- [Dataset extract]:
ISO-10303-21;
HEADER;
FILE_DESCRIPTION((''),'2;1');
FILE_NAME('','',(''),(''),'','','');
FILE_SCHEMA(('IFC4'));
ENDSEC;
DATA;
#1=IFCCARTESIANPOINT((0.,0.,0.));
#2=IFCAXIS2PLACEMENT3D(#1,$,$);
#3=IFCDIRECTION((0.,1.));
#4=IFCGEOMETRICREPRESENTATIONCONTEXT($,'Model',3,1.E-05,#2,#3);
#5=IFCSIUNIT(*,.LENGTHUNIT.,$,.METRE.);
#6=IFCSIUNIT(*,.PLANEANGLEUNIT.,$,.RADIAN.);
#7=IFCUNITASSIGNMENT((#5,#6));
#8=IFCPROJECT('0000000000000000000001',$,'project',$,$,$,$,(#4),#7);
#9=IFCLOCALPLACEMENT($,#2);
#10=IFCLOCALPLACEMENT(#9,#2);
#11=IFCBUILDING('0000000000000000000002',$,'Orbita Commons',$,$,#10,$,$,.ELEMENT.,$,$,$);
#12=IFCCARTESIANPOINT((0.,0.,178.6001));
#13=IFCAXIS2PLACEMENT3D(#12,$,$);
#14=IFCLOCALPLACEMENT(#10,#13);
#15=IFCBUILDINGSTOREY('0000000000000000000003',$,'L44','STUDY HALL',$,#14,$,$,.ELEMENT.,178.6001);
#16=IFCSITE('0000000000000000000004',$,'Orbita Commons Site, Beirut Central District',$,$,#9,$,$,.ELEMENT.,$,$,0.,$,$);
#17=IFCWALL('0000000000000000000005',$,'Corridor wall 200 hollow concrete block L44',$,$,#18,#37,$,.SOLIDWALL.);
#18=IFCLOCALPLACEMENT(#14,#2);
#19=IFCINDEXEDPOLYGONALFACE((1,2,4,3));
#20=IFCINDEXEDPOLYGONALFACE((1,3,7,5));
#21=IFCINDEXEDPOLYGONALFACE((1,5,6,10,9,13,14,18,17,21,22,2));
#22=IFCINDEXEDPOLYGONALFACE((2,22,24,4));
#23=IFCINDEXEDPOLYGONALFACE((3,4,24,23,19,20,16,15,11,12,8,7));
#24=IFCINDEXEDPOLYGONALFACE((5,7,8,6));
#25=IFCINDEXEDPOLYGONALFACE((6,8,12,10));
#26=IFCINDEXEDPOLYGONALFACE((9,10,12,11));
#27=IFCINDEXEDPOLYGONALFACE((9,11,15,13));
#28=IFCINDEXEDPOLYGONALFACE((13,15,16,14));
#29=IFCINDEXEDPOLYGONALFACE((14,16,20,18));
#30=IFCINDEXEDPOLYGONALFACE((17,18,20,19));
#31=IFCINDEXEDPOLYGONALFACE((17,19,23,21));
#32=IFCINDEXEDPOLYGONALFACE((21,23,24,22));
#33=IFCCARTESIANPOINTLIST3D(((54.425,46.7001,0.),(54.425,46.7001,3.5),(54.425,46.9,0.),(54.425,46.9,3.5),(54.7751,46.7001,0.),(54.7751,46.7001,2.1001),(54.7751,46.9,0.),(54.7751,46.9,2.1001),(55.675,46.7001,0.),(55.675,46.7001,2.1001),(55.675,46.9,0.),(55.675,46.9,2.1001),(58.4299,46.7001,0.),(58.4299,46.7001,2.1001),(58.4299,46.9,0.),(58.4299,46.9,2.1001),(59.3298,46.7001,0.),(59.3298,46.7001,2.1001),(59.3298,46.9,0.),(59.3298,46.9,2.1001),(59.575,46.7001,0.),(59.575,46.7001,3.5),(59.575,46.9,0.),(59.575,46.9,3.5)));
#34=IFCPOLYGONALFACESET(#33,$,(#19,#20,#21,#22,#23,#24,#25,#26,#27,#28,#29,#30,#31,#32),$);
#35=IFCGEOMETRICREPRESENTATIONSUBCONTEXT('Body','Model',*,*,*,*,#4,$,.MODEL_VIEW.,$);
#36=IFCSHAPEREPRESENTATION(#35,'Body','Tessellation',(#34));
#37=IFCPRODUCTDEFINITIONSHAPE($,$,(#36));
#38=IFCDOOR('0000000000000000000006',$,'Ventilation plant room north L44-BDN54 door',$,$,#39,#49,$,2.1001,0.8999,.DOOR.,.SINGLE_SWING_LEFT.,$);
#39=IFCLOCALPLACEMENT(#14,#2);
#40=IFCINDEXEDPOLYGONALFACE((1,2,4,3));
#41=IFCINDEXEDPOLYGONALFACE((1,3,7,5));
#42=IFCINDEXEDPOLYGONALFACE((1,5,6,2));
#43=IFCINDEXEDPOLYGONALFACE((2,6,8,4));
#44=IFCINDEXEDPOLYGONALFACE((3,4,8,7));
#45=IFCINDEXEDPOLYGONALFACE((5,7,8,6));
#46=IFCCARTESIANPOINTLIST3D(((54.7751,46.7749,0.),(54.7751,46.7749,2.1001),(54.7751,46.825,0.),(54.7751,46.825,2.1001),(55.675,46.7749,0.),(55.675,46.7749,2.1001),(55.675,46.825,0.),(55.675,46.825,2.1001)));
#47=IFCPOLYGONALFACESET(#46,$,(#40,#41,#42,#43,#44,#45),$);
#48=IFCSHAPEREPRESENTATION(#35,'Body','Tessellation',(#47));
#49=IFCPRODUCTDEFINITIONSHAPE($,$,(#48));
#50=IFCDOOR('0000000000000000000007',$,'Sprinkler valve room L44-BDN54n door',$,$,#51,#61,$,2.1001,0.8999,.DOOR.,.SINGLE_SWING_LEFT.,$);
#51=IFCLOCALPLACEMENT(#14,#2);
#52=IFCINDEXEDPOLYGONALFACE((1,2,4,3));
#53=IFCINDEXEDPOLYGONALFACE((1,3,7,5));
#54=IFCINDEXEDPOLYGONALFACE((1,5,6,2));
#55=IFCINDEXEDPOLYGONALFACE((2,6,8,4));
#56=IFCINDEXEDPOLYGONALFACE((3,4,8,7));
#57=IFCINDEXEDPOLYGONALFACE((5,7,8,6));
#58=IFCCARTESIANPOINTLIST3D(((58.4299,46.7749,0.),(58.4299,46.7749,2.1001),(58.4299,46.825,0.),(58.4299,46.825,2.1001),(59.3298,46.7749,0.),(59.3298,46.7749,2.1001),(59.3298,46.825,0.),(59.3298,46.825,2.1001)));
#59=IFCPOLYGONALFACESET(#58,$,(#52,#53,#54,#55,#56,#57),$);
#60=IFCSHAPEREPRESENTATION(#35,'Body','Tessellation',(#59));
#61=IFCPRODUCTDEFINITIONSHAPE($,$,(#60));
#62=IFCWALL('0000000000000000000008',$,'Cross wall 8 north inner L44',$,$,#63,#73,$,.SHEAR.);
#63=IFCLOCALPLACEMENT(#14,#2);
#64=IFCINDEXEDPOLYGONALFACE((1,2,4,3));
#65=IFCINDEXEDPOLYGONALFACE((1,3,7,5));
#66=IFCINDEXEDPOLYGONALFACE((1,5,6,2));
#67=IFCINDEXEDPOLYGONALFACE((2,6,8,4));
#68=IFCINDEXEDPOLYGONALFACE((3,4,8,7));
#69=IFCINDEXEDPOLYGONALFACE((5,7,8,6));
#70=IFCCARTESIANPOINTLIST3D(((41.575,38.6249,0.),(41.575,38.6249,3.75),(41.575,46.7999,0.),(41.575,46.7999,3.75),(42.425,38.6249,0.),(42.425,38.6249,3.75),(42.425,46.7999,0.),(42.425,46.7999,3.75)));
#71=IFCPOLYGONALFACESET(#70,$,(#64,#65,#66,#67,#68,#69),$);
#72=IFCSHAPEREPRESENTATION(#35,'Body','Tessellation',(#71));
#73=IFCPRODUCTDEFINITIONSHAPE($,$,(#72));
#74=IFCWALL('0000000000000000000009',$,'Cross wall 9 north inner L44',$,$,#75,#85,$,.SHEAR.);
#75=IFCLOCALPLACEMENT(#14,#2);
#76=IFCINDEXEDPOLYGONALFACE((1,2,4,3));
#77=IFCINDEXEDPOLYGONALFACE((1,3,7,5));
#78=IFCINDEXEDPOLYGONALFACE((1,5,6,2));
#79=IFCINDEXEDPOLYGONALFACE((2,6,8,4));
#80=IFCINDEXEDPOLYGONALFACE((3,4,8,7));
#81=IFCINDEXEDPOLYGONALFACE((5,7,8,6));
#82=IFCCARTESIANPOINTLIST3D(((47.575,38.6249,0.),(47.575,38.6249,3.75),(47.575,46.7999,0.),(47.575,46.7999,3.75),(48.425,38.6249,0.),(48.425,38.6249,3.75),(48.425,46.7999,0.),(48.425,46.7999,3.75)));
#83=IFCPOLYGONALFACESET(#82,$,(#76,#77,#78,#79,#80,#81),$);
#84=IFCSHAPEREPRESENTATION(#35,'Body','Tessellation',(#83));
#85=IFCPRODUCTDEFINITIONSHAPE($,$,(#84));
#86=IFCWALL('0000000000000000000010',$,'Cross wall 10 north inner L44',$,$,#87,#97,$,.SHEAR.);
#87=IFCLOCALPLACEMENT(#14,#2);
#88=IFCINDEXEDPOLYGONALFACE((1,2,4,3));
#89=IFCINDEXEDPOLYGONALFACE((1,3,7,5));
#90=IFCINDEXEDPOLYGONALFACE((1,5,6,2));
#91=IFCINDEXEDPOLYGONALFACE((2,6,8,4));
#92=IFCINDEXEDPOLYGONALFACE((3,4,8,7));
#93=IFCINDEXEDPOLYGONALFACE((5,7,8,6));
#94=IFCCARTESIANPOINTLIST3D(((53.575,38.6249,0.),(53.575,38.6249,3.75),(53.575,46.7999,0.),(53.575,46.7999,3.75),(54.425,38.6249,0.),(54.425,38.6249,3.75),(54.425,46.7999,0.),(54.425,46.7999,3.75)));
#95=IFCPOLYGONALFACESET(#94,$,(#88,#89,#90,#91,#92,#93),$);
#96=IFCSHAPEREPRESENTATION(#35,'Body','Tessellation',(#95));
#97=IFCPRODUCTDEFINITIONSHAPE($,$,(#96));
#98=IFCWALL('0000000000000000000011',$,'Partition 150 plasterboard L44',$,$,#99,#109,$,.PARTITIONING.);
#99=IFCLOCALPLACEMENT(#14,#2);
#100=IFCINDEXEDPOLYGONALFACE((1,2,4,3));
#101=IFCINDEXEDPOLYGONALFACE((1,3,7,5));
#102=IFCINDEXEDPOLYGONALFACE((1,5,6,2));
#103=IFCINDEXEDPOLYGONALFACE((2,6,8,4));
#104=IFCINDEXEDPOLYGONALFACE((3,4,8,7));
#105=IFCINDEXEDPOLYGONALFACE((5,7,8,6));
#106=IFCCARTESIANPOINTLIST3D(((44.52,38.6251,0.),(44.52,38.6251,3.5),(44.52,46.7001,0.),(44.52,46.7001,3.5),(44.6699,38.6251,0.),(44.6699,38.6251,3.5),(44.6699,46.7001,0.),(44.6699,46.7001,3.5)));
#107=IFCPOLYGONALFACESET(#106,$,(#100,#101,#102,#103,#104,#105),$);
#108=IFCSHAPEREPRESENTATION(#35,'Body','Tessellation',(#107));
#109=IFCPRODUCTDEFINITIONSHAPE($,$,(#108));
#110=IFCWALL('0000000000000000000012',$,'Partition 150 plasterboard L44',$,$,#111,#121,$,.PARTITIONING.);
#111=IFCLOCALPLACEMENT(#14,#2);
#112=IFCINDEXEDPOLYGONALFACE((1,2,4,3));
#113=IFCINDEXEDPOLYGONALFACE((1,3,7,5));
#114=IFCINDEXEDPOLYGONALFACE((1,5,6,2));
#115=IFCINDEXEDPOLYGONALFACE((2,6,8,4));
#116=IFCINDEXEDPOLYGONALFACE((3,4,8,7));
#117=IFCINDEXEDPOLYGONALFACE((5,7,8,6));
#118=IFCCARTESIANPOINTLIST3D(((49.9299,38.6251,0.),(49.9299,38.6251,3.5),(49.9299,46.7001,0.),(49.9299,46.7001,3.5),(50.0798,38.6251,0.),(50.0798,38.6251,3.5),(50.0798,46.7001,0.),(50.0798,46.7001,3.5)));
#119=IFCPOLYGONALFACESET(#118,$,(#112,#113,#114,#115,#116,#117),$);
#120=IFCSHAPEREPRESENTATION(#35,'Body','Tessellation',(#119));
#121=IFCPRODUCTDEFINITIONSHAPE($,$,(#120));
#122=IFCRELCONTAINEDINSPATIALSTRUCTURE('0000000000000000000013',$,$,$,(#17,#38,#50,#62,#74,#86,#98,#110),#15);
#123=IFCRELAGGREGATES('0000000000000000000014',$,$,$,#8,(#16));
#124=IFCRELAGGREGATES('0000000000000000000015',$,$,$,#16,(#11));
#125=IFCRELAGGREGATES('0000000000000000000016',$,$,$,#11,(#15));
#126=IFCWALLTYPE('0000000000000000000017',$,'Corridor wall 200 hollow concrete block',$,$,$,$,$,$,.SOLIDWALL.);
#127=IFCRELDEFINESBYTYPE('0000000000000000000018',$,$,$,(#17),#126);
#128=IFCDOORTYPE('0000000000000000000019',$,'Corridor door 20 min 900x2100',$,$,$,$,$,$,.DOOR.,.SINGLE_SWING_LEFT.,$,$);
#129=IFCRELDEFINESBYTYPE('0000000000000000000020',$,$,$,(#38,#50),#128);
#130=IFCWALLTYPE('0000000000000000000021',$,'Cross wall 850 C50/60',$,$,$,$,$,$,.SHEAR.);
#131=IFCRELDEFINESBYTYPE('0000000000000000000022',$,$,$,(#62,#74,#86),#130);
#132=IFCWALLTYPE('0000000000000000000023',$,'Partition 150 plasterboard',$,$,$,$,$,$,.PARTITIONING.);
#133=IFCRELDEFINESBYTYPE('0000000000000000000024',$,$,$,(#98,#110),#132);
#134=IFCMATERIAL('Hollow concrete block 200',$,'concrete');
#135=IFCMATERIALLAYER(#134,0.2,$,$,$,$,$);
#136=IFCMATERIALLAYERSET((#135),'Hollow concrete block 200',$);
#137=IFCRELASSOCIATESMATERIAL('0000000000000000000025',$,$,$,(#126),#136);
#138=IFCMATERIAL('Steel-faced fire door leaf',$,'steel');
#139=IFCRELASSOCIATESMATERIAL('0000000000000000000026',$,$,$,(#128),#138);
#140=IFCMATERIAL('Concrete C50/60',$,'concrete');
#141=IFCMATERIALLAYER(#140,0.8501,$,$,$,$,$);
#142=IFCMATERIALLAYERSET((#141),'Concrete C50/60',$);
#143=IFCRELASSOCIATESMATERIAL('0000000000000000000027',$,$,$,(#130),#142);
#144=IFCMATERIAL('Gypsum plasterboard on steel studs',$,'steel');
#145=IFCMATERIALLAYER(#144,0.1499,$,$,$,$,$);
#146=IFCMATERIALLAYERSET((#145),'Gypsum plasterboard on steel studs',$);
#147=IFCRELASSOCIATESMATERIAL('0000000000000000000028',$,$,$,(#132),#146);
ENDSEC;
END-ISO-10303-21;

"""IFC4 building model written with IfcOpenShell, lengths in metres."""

from ifc_helpers import new_model, si_unit, direction, frame, frame_2d, origin, place, context, subcontext, project, spatial, rectangle, extrude, material, layer, layer_set, type_object, element, fill, save


model = new_model("IFC4")

# Units and contexts
model_context = context("Model", 3, precision=1e-05, world=origin(), true_north=direction((0.0, 1.0)))
body_context = subcontext(model_context, "Body", "Model", "MODEL_VIEW")
ifc_project = project(units=[si_unit("LENGTHUNIT", "METRE"), si_unit("PLANEANGLEUNIT", "RADIAN")], contexts=[model_context])

# Site, building, storey
site_placement = place(None, origin())
site = spatial("IfcSite", under=ifc_project, at=site_placement, Name="Orbita Commons Site, Beirut Central District", CompositionType="ELEMENT", RefElevation=0.0)
building_placement = place(site_placement, origin())
building = spatial("IfcBuilding", under=site, at=building_placement, Name="Orbita Commons", CompositionType="ELEMENT")
storey_placement = place(building_placement, frame((0.0, 0.0, 178.6001)))
storey = spatial("IfcBuildingStorey", under=building, at=storey_placement, Name="L44", Description="STUDY HALL", CompositionType="ELEMENT", Elevation=178.6001)

# Wall, openings, doors
ifc_material_1 = material(Name="Hollow concrete block 200", Category="concrete")
ifc_layer_1 = layer(ifc_material_1, 0.2)
ifc_layer_set_1 = layer_set([ifc_layer_1], Name="Hollow concrete block 200")
wall_type_1 = type_object("IfcWallType", Name="Corridor wall 200 hollow concrete block", PredefinedType="SOLIDWALL", material=ifc_layer_set_1)
ifc_material_2 = material(Name="Steel-faced fire door leaf", Category="steel")
door_type = type_object("IfcDoorType", Name="Corridor door 20 min 900x2100", OperationType="SINGLE_SWING_LEFT", PredefinedType="DOOR", material=ifc_material_2)
wall_1_placement = place(storey_placement, frame((54.425, 46.8, 0.0), z_axis=(0.0, 0.0, 1.0), x_axis=(1.0, 0.0, 0.0)))
wall_1 = element("IfcWall", 1, at=wall_1_placement, inside=storey, type_object=wall_type_1, Name="Corridor wall 200 hollow concrete block L44", PredefinedType="SOLIDWALL", context=body_context, shape_type="SweptSolid", body=[
    extrude(rectangle(XDim=5.1499, YDim=0.2, at=frame_2d((2.575, 0.0))), origin(), (0.0, 0.0, 1.0), 3.5),
])
opening_1_placement = place(wall_1_placement, frame((0.3501, 0.0, 0.0)))
opening_1 = element("IfcOpeningElement", 2, at=opening_1_placement, cuts=wall_1, PredefinedType="OPENING", context=body_context, shape_type="SweptSolid", body=[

- [Task]: Copy each line above where "Gypsum" appears.

- [Answer]:
#144=IFCMATERIAL('Gypsum plasterboard on steel studs',$,'steel');
#146=IFCMATERIALLAYERSET((#145),'Gypsum plasterboard on steel studs',$);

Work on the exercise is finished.